Brief: This exercise calls for every line of the listing below that contains the word "YDim".

Excerpted data:

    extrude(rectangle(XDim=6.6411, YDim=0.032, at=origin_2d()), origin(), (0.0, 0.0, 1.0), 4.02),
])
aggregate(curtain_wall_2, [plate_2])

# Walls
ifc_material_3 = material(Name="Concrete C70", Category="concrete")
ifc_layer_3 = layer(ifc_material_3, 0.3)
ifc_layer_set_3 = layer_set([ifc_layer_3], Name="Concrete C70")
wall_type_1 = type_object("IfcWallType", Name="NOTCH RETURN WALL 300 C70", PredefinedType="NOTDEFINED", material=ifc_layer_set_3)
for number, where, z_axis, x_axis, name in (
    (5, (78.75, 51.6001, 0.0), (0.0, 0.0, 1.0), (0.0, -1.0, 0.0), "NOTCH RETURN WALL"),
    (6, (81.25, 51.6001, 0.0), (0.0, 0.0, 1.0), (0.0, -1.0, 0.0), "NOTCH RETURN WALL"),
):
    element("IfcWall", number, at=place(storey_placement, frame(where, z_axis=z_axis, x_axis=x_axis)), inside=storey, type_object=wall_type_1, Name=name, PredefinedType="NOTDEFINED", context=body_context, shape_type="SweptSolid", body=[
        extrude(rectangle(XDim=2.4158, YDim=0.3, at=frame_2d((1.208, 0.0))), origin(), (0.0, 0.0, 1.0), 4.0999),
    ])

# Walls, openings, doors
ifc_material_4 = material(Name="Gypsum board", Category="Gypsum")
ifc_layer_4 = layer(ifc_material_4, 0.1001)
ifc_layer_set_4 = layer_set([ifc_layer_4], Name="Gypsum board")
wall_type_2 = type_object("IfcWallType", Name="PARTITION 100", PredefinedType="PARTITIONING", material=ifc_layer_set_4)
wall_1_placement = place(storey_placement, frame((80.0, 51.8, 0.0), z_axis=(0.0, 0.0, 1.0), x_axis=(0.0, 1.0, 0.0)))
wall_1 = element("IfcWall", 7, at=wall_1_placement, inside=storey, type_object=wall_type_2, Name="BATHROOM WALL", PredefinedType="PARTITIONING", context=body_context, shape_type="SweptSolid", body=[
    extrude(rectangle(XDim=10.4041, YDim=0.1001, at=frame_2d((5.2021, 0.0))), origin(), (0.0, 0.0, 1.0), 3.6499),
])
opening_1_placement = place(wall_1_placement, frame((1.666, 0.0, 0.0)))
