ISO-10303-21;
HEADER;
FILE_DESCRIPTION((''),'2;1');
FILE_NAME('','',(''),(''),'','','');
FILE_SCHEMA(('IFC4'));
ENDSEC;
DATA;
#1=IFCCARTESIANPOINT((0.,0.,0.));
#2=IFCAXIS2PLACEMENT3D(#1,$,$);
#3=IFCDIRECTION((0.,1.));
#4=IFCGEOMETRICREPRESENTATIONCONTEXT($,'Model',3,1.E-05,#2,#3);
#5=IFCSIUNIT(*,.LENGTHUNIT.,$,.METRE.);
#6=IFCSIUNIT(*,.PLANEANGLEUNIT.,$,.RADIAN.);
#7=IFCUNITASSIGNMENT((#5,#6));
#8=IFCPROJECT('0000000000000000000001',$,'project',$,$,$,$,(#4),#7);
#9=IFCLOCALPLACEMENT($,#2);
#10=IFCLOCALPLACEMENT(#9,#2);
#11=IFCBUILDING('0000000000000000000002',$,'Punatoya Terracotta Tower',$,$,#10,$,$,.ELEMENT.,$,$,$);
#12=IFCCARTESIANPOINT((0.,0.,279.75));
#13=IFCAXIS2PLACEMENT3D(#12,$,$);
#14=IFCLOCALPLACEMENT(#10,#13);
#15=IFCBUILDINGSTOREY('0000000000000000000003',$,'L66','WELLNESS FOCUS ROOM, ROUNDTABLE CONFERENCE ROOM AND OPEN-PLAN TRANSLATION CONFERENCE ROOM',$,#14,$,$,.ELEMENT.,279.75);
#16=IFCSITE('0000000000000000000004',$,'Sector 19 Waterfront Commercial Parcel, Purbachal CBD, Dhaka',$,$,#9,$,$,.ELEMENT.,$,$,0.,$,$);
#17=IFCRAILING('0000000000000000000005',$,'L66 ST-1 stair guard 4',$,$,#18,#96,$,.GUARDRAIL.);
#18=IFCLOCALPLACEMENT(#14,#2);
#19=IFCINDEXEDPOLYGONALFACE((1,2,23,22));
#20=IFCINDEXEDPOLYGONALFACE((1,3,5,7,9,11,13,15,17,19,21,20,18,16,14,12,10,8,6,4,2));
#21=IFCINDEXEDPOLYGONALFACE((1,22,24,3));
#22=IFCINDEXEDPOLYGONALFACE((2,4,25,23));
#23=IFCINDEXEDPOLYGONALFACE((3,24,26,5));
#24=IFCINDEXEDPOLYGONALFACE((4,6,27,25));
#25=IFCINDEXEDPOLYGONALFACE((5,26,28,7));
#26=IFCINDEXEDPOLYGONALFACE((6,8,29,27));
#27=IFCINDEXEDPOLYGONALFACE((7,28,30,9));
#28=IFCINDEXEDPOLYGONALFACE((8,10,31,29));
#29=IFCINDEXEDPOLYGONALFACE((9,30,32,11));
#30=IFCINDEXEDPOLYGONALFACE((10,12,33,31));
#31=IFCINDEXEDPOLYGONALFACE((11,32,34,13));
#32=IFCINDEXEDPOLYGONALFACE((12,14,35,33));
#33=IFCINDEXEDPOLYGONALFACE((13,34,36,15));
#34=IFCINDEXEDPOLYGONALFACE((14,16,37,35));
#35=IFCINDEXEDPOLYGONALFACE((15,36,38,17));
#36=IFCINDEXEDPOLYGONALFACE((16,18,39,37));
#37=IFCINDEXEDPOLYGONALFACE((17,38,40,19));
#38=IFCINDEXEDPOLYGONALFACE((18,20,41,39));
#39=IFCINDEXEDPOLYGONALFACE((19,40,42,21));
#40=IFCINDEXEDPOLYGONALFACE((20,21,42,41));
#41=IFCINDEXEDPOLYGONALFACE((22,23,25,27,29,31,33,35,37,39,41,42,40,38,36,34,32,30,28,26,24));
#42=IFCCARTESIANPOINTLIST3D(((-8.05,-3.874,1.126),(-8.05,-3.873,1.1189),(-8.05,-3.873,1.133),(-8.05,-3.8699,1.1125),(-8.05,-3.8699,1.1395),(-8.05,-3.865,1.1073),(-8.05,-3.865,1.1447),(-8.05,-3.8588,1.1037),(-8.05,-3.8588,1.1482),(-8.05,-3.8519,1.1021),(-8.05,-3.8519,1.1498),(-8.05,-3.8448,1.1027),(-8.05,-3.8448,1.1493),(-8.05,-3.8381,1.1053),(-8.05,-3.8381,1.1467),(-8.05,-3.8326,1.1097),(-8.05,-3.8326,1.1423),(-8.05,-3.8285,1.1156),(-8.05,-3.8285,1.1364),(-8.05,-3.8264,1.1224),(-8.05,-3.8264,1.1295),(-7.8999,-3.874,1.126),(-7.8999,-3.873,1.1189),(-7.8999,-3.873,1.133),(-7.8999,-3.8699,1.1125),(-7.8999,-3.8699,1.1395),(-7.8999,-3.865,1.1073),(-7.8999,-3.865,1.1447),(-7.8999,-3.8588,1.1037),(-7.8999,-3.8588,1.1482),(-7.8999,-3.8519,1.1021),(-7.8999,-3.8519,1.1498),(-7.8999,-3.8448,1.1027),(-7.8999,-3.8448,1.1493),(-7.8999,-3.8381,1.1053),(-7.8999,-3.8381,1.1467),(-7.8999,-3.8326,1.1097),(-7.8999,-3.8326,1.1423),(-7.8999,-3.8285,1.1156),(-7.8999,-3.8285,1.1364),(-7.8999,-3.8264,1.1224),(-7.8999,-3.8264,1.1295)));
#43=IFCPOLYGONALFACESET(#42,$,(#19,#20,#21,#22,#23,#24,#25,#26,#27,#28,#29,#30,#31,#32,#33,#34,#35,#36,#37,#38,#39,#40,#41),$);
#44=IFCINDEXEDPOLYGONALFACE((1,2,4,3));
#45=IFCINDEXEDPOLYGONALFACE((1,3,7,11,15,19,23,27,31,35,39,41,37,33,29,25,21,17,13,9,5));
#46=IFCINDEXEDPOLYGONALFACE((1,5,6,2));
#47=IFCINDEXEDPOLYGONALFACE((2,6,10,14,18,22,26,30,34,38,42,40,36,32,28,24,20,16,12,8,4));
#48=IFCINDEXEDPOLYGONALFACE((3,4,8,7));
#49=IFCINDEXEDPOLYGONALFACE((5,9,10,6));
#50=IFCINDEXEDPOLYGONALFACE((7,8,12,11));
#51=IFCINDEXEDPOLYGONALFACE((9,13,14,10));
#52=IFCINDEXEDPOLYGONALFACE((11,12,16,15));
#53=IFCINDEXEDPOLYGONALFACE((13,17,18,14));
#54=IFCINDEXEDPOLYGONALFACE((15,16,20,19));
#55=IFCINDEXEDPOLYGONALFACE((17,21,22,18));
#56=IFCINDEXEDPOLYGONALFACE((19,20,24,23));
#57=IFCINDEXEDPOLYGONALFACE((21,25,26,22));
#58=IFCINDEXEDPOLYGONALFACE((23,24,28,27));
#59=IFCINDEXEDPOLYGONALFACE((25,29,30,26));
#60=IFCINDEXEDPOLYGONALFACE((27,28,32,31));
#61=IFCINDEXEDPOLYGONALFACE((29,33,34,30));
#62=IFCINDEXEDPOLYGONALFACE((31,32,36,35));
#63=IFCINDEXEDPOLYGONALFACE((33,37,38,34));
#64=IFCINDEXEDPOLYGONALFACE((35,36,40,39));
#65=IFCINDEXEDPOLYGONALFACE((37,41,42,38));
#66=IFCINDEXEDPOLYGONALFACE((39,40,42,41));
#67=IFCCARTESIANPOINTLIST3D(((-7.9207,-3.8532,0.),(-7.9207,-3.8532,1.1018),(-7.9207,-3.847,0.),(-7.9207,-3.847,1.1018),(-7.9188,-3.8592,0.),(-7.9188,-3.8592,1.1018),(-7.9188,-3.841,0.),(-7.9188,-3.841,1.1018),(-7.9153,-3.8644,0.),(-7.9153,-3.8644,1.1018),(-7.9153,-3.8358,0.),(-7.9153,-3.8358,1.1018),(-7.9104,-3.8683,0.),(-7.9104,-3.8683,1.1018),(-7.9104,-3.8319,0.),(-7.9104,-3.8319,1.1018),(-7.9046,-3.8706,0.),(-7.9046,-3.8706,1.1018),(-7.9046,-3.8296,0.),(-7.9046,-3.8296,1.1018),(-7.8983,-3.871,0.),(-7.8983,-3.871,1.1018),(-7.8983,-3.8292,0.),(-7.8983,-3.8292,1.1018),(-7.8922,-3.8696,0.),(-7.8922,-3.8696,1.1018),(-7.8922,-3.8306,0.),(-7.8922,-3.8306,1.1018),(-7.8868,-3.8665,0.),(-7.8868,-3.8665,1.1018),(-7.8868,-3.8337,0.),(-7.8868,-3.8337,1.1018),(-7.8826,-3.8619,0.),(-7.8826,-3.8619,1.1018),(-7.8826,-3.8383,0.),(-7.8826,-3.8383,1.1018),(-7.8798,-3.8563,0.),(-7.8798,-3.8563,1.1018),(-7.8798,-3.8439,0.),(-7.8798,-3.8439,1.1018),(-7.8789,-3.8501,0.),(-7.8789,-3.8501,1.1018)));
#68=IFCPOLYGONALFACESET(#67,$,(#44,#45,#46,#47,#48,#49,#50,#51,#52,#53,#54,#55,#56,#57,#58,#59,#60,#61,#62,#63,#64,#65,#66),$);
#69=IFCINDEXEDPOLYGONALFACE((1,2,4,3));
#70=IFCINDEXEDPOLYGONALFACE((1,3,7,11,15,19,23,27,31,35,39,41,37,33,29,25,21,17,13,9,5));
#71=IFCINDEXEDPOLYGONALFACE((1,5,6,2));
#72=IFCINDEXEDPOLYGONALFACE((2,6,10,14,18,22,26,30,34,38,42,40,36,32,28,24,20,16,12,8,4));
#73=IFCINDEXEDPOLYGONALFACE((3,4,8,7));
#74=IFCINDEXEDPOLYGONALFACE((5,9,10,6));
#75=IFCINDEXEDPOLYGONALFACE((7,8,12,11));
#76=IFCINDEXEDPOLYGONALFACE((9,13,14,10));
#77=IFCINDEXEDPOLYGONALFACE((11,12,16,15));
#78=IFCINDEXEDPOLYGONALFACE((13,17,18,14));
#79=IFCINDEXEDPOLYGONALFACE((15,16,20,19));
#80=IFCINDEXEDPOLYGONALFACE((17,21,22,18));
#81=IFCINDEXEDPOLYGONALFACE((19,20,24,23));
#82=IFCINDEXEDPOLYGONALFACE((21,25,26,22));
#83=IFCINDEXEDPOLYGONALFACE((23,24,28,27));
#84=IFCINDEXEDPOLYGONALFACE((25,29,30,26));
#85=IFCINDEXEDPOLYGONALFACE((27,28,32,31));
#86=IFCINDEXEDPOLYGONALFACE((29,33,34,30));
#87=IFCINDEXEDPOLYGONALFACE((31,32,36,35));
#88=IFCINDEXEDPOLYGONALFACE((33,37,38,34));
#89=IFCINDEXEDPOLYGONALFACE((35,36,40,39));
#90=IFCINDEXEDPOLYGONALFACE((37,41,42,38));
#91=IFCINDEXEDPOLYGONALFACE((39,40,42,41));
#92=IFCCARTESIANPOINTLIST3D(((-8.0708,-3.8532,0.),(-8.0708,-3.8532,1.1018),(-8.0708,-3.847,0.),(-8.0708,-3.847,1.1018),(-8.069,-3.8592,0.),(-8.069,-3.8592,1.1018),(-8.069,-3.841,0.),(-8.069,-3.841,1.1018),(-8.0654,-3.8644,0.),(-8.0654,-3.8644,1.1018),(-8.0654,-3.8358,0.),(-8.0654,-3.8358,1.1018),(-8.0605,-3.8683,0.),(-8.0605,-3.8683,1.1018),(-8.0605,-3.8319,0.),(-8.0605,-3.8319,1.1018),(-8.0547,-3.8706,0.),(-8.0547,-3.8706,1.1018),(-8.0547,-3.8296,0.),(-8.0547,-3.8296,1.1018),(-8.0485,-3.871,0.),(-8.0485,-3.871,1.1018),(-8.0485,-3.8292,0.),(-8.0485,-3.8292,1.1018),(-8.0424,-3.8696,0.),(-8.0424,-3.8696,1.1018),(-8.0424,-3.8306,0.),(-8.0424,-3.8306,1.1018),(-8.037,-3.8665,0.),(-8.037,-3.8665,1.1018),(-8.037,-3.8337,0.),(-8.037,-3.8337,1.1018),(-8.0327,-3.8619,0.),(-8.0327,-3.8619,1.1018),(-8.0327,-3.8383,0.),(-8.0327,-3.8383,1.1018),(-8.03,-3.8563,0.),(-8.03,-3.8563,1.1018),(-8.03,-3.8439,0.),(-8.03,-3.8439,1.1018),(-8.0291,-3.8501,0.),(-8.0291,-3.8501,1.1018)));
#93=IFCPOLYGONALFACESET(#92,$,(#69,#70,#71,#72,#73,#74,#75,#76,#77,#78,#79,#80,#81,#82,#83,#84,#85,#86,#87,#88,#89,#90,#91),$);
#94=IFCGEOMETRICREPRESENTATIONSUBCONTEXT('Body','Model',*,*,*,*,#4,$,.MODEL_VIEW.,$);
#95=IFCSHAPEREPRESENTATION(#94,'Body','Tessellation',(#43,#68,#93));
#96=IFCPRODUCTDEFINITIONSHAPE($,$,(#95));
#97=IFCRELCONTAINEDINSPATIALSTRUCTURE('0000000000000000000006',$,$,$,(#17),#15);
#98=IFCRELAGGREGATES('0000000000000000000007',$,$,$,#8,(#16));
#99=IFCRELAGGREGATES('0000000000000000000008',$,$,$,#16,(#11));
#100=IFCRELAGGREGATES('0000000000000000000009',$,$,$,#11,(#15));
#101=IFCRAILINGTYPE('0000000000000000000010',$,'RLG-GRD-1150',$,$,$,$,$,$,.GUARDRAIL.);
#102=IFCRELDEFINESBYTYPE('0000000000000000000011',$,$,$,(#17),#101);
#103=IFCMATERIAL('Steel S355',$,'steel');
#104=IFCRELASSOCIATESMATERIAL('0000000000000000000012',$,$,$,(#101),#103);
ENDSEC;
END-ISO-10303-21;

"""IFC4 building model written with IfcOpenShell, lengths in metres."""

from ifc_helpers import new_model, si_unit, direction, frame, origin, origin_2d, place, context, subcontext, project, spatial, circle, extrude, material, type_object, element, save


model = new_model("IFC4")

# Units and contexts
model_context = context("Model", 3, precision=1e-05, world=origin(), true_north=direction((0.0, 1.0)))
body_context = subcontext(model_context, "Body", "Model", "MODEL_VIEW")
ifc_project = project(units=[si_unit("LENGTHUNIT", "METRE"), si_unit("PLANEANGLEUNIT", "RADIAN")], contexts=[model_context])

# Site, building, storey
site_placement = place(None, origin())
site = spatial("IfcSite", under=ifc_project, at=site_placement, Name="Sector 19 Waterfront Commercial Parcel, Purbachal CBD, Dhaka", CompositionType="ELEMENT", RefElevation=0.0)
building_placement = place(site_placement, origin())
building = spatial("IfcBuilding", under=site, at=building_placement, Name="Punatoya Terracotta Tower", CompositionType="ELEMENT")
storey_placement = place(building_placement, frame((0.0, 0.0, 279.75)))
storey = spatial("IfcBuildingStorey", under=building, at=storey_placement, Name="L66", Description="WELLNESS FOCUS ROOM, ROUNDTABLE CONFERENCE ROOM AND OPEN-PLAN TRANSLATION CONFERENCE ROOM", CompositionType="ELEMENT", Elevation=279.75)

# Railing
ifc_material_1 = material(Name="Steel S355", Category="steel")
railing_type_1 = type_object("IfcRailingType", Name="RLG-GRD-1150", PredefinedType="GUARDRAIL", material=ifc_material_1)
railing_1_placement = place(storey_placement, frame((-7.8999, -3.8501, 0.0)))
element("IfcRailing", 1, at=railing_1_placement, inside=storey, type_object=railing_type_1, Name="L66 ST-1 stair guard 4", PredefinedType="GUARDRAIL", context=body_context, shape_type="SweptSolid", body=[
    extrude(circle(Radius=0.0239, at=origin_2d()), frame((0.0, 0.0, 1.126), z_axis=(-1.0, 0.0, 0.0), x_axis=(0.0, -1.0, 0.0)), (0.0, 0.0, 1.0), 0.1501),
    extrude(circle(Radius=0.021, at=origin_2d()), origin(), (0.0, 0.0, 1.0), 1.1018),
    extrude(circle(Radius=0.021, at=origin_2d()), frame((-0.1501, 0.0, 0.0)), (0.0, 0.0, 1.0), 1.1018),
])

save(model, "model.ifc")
...
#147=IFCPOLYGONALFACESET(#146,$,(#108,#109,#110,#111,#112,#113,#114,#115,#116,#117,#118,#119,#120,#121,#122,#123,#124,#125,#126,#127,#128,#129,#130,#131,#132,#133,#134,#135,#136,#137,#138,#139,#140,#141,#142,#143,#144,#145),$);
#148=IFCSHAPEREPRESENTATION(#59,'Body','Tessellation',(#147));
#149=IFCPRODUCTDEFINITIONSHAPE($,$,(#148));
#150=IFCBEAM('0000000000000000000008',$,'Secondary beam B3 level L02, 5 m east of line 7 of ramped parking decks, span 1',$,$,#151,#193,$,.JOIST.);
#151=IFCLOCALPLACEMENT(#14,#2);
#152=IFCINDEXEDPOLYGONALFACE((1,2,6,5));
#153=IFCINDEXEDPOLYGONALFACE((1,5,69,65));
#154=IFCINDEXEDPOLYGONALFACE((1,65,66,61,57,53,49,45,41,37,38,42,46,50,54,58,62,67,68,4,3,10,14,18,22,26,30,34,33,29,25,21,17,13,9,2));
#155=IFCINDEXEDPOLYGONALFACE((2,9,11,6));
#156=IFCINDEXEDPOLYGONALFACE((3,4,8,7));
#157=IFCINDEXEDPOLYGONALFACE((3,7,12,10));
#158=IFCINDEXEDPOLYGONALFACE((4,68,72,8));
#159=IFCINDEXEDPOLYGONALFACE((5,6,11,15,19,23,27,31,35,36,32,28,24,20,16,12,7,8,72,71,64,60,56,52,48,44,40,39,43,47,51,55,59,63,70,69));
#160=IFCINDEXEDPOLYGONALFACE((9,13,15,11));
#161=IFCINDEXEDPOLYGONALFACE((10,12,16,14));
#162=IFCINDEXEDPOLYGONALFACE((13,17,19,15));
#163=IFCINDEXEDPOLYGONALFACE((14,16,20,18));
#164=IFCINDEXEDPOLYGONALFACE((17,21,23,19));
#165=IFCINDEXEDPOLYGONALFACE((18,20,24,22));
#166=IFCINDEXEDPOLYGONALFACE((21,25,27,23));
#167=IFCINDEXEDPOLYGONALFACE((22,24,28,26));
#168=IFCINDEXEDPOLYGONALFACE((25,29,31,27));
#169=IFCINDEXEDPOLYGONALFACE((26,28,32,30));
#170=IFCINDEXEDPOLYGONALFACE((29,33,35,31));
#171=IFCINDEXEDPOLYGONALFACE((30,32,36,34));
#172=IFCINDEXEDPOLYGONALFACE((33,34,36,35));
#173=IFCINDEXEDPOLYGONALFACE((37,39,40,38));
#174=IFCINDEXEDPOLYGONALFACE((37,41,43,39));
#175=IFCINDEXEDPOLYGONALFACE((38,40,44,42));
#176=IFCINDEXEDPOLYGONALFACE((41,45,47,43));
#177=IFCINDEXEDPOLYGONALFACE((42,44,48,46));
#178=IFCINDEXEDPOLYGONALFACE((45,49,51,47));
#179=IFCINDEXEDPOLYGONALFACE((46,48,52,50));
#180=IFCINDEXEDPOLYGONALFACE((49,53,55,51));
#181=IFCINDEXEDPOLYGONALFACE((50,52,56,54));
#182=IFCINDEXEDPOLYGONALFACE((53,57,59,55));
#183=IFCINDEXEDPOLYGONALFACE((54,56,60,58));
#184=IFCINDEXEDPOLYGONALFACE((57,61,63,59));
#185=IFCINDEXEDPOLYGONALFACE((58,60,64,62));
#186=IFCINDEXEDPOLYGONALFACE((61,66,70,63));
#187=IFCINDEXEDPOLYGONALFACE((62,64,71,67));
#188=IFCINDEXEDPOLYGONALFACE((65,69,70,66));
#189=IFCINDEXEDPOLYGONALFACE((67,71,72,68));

Reply:
    extrude(rectangle(XDim=6.6411, YDim=0.032, at=origin_2d()), origin(), (0.0, 0.0, 1.0), 4.02),
        extrude(rectangle(XDim=2.4158, YDim=0.3, at=frame_2d((1.208, 0.0))), origin(), (0.0, 0.0, 1.0), 4.0999),
    extrude(rectangle(XDim=10.4041, YDim=0.1001, at=frame_2d((5.2021, 0.0))), origin(), (0.0, 0.0, 1.0), 3.6499),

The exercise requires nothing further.